━━━ Data for analysis

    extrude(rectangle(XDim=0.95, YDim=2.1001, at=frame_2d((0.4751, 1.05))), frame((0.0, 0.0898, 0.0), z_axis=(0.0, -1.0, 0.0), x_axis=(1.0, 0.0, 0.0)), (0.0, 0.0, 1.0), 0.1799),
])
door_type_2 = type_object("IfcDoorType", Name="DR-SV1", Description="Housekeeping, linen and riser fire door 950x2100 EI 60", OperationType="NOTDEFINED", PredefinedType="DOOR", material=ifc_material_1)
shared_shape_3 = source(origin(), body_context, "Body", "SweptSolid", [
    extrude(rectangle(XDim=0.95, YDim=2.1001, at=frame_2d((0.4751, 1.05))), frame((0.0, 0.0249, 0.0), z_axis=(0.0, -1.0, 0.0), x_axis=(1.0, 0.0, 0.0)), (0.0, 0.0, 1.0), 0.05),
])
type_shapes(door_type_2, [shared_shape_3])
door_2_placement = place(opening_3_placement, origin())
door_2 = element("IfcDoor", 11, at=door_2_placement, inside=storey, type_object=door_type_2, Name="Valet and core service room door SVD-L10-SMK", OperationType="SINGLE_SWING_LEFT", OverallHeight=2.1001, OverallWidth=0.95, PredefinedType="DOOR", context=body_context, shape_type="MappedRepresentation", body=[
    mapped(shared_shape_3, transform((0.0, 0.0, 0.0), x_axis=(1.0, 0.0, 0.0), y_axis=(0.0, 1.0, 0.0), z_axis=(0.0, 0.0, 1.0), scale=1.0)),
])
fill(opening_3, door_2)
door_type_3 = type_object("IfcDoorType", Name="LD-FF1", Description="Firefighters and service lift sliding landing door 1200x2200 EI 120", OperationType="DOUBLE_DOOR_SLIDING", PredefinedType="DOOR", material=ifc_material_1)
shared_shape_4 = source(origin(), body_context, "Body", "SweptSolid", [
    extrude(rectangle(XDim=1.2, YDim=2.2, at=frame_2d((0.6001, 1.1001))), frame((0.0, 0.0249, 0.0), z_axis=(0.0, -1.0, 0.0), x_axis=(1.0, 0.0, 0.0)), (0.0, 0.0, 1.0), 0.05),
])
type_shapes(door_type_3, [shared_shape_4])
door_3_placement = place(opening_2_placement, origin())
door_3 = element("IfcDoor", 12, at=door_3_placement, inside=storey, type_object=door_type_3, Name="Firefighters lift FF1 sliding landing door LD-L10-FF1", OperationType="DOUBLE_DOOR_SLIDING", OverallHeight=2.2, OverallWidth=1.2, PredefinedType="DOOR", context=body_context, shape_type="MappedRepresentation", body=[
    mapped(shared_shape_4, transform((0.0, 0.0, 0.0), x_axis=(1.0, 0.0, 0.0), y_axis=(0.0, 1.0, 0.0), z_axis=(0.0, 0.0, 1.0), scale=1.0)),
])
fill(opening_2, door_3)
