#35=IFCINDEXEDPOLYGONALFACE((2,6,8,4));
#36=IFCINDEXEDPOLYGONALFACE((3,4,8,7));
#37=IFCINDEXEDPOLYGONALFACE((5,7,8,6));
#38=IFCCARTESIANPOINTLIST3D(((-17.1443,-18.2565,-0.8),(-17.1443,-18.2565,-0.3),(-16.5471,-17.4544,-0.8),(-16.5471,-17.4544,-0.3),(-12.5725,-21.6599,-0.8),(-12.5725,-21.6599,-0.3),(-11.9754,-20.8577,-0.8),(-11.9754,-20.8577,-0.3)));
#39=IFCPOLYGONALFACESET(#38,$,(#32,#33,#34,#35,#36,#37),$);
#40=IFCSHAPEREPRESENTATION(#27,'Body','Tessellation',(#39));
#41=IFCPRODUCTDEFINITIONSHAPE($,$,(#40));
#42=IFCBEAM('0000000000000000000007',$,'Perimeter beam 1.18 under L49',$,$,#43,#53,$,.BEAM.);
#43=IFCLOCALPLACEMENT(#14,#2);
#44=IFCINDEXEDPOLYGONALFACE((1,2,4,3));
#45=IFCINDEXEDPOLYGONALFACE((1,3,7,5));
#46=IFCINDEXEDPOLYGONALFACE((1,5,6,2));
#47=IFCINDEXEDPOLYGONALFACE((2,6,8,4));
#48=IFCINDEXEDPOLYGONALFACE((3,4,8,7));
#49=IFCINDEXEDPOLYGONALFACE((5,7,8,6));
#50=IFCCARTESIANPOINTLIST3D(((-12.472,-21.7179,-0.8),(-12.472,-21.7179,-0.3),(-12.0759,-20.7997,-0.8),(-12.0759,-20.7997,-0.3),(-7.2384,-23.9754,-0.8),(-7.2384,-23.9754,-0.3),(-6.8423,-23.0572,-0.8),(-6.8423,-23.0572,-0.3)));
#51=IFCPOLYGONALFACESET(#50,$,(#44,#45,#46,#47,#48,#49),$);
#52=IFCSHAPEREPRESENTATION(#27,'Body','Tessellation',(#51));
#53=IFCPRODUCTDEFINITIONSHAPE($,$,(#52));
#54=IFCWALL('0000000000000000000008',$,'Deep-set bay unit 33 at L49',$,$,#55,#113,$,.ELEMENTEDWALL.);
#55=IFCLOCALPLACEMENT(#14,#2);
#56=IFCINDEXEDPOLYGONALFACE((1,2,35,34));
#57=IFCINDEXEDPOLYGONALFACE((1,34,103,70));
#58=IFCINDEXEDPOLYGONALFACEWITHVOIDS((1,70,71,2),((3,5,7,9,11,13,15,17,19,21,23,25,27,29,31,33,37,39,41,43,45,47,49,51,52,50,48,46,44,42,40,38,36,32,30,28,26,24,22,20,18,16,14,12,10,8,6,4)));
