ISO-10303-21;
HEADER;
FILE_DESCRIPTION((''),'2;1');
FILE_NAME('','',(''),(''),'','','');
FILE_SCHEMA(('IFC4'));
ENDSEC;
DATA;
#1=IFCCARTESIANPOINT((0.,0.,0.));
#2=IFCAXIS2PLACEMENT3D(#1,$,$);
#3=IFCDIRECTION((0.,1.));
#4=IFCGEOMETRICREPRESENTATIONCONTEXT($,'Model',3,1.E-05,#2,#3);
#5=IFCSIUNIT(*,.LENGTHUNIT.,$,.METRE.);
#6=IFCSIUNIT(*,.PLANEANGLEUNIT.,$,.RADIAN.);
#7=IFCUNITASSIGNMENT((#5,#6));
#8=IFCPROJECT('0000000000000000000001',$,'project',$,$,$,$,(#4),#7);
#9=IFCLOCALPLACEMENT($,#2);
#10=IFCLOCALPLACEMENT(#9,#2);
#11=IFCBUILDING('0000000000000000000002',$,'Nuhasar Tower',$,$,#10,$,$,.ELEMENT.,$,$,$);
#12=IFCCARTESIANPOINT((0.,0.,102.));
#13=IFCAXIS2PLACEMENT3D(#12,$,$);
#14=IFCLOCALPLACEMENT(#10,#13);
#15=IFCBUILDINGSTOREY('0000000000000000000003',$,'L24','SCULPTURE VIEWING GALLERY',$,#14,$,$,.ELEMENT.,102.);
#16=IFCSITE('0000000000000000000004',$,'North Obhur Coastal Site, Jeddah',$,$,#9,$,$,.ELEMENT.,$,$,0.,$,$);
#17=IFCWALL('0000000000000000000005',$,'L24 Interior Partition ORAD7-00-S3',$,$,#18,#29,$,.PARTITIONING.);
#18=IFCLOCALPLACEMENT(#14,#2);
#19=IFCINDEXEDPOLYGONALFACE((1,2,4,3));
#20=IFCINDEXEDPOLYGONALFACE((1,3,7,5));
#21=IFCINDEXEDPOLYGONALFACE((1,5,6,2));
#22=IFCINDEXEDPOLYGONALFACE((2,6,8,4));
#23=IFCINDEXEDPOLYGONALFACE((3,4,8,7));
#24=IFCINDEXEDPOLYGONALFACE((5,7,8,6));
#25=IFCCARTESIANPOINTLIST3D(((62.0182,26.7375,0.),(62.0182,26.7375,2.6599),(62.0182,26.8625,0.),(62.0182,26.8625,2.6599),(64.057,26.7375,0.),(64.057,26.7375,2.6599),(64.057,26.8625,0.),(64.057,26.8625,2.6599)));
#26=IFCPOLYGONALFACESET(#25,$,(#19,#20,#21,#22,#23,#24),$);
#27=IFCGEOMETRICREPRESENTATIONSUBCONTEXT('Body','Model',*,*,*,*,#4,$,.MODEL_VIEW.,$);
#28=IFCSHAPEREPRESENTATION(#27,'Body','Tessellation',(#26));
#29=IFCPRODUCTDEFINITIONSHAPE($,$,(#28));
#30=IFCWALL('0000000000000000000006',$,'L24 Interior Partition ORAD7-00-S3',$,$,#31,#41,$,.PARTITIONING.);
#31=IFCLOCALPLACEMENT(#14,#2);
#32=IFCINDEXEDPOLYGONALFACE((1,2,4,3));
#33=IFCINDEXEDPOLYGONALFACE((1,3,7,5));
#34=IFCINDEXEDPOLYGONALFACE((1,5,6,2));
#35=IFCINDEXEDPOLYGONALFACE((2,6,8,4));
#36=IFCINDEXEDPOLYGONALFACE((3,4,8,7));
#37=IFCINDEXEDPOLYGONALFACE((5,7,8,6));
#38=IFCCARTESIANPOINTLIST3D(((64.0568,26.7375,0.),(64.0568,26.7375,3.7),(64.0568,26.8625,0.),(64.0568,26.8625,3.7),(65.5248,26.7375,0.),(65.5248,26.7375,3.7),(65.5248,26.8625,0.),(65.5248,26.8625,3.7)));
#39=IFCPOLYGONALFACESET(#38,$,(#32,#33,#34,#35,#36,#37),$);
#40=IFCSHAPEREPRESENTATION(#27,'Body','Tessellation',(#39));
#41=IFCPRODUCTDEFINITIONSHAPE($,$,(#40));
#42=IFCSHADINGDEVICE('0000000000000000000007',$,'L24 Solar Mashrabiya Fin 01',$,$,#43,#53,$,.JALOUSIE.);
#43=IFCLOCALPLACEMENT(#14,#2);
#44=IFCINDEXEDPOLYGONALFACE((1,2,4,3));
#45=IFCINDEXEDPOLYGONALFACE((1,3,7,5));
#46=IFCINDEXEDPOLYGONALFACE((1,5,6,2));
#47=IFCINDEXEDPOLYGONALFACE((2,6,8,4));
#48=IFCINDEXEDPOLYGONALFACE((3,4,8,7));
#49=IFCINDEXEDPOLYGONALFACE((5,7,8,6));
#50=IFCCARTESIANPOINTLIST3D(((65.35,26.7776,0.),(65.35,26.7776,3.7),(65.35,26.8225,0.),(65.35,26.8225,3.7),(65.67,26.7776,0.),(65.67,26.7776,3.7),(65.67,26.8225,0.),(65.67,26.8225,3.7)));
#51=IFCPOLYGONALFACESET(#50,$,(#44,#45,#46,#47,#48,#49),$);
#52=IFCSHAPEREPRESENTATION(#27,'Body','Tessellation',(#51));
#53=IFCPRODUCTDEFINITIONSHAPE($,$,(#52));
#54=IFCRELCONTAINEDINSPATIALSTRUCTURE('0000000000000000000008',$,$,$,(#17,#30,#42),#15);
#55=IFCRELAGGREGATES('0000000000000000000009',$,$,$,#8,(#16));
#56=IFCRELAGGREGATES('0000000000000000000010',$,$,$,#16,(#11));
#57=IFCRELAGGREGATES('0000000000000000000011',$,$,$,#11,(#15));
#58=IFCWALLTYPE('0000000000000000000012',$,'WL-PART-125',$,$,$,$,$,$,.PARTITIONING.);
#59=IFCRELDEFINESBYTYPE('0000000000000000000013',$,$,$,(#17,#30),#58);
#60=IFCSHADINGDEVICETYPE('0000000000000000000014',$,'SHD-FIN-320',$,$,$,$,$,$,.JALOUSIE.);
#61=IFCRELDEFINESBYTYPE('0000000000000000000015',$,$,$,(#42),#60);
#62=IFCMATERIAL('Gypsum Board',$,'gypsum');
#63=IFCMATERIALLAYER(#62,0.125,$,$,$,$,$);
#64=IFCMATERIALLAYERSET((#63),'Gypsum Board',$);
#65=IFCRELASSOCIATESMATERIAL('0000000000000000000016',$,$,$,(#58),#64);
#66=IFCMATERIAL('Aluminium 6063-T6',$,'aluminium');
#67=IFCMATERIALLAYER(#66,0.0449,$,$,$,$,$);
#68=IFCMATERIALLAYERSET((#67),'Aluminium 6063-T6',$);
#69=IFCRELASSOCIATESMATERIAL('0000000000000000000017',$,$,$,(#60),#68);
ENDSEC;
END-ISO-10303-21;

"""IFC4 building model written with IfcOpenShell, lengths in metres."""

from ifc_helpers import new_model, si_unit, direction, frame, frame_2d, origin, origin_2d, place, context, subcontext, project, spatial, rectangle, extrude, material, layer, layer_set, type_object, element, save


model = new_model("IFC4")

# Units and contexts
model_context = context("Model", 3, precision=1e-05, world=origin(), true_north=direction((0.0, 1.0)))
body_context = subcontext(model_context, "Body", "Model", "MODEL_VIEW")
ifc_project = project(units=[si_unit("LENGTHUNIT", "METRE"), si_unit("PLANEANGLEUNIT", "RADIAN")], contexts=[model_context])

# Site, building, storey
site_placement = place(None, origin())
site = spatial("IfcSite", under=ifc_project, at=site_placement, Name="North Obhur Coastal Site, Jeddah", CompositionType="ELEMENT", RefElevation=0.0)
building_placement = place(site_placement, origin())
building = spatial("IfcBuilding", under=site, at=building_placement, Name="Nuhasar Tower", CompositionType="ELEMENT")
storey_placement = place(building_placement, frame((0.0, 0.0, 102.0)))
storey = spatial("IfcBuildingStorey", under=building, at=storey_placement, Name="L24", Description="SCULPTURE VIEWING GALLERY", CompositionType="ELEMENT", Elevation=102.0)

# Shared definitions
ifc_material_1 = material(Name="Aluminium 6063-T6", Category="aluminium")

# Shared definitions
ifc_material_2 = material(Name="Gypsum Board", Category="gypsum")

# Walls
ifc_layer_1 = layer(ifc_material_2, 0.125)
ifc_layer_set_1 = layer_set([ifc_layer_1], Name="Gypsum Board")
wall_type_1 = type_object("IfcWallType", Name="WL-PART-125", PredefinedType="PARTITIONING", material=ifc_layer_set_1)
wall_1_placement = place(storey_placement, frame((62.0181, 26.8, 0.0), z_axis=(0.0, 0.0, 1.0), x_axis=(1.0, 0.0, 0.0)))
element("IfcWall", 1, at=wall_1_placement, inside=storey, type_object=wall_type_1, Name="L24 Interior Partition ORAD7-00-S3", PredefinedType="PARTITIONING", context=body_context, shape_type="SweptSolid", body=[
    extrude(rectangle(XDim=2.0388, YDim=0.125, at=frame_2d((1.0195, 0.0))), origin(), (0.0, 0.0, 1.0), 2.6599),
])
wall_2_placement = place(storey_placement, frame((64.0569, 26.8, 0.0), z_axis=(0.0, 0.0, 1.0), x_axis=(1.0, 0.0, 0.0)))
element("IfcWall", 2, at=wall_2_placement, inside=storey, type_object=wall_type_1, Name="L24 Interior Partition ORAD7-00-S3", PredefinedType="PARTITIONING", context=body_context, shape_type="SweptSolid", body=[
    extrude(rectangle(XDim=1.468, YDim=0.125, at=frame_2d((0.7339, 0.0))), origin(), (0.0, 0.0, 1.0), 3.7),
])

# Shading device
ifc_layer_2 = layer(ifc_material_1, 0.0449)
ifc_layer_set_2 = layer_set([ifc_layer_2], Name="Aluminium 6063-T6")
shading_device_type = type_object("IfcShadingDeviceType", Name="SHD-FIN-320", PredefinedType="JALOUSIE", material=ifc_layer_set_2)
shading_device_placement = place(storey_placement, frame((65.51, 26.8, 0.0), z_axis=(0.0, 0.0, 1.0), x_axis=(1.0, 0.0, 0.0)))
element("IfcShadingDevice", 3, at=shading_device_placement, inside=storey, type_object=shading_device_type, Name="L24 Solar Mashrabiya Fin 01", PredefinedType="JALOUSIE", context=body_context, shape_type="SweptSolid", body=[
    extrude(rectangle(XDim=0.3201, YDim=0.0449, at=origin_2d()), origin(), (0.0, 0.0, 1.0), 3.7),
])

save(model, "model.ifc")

━━━━━━

#### Your objective
Give back the records word for word. Start at the first line, end at the line containing "lift FF1 sliding", and include both.

#### Output for this task
    extrude(rectangle(XDim=0.95, YDim=2.1001, at=frame_2d((0.4751, 1.05))), frame((0.0, 0.0898, 0.0), z_axis=(0.0, -1.0, 0.0), x_axis=(1.0, 0.0, 0.0)), (0.0, 0.0, 1.0), 0.1799),
])
door_type_2 = type_object("IfcDoorType", Name="DR-SV1", Description="Housekeeping, linen and riser fire door 950x2100 EI 60", OperationType="NOTDEFINED", PredefinedType="DOOR", material=ifc_material_1)
shared_shape_3 = source(origin(), body_context, "Body", "SweptSolid", [
    extrude(rectangle(XDim=0.95, YDim=2.1001, at=frame_2d((0.4751, 1.05))), frame((0.0, 0.0249, 0.0), z_axis=(0.0, -1.0, 0.0), x_axis=(1.0, 0.0, 0.0)), (0.0, 0.0, 1.0), 0.05),
])
type_shapes(door_type_2, [shared_shape_3])
door_2_placement = place(opening_3_placement, origin())
door_2 = element("IfcDoor", 11, at=door_2_placement, inside=storey, type_object=door_type_2, Name="Valet and core service room door SVD-L10-SMK", OperationType="SINGLE_SWING_LEFT", OverallHeight=2.1001, OverallWidth=0.95, PredefinedType="DOOR", context=body_context, shape_type="MappedRepresentation", body=[
    mapped(shared_shape_3, transform((0.0, 0.0, 0.0), x_axis=(1.0, 0.0, 0.0), y_axis=(0.0, 1.0, 0.0), z_axis=(0.0, 0.0, 1.0), scale=1.0)),
])
fill(opening_3, door_2)
door_type_3 = type_object("IfcDoorType", Name="LD-FF1", Description="Firefighters and service lift sliding landing door 1200x2200 EI 120", OperationType="DOUBLE_DOOR_SLIDING", PredefinedType="DOOR", material=ifc_material_1)
shared_shape_4 = source(origin(), body_context, "Body", "SweptSolid", [
    extrude(rectangle(XDim=1.2, YDim=2.2, at=frame_2d((0.6001, 1.1001))), frame((0.0, 0.0249, 0.0), z_axis=(0.0, -1.0, 0.0), x_axis=(1.0, 0.0, 0.0)), (0.0, 0.0, 1.0), 0.05),
])
type_shapes(door_type_3, [shared_shape_4])
door_3_placement = place(opening_2_placement, origin())
door_3 = element("IfcDoor", 12, at=door_3_placement, inside=storey, type_object=door_type_3, Name="Firefighters lift FF1 sliding landing door LD-L10-FF1", OperationType="DOUBLE_DOOR_SLIDING", OverallHeight=2.2, OverallWidth=1.2, PredefinedType="DOOR", context=body_context, shape_type="MappedRepresentation", body=[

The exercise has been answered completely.